» Task requirements:
In the records that follow, find each line containing "IFCINDEXEDPOLYGONALFACEWITHVOIDS" and copy it.

━━━━━ Data for analysis ━━━━━

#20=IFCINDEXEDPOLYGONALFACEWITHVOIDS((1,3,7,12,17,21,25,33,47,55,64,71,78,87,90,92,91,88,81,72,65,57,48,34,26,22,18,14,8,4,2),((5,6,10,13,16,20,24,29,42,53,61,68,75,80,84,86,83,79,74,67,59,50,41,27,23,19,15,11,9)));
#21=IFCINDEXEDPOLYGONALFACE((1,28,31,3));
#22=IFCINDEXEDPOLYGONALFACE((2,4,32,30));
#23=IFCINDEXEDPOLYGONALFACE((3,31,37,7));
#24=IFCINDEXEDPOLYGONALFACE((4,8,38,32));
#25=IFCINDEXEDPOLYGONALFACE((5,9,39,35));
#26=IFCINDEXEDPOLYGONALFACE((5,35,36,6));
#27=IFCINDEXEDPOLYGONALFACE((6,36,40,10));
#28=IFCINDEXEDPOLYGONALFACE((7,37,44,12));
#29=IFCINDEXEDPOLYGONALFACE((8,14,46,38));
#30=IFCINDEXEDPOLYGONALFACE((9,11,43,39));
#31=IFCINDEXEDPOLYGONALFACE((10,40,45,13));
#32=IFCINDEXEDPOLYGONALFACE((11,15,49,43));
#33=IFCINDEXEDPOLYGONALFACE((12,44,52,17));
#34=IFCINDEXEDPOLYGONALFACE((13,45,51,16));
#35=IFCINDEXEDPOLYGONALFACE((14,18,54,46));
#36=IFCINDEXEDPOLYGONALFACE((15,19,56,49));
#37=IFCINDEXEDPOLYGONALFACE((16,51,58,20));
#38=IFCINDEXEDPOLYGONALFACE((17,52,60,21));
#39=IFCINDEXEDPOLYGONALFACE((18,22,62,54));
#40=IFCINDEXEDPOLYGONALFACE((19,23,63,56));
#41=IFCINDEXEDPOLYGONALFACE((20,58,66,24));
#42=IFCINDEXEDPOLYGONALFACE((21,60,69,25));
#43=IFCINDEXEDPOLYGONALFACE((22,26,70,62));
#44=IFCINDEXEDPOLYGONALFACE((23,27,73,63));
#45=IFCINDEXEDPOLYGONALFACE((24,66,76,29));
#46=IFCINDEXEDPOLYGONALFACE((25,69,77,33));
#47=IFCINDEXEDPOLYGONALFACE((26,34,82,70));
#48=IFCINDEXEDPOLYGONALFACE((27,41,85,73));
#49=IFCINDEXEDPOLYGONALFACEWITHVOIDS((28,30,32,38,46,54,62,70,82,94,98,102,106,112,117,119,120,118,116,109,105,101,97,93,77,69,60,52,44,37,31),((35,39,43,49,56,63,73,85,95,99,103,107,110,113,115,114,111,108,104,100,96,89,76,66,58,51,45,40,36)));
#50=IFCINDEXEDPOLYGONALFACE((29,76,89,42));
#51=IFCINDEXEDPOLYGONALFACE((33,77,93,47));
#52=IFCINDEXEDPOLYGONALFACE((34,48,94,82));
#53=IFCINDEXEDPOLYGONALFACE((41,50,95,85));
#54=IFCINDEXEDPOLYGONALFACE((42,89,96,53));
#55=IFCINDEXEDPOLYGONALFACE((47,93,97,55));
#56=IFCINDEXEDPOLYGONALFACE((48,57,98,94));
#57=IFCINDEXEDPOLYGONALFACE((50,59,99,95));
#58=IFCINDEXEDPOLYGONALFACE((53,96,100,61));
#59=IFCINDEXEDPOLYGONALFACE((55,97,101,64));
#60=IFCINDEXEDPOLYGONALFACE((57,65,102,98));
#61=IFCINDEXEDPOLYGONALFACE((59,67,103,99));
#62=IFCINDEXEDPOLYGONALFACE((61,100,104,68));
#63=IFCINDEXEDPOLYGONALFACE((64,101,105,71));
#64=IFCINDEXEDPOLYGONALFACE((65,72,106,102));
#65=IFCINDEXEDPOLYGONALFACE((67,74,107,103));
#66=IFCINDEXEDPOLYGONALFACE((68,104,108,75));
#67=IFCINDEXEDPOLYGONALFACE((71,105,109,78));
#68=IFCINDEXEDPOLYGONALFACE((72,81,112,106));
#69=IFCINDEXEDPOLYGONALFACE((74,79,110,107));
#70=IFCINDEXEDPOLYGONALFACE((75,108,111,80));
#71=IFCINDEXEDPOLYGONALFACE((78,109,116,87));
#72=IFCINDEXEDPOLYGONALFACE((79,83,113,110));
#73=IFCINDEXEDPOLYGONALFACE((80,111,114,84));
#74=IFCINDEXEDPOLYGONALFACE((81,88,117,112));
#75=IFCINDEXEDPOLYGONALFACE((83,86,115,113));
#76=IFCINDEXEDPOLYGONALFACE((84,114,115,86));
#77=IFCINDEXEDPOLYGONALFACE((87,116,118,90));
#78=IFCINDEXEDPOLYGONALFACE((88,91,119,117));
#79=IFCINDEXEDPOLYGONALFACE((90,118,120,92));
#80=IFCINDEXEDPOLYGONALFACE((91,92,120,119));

━━━━━

» Response:
#20=IFCINDEXEDPOLYGONALFACEWITHVOIDS((1,3,7,12,17,21,25,33,47,55,64,71,78,87,90,92,91,88,81,72,65,57,48,34,26,22,18,14,8,4,2),((5,6,10,13,16,20,24,29,42,53,61,68,75,80,84,86,83,79,74,67,59,50,41,27,23,19,15,11,9)));
#49=IFCINDEXEDPOLYGONALFACEWITHVOIDS((28,30,32,38,46,54,62,70,82,94,98,102,106,112,117,119,120,118,116,109,105,101,97,93,77,69,60,52,44,37,31),((35,39,43,49,56,63,73,85,95,99,103,107,110,113,115,114,111,108,104,100,96,89,76,66,58,51,45,40,36)));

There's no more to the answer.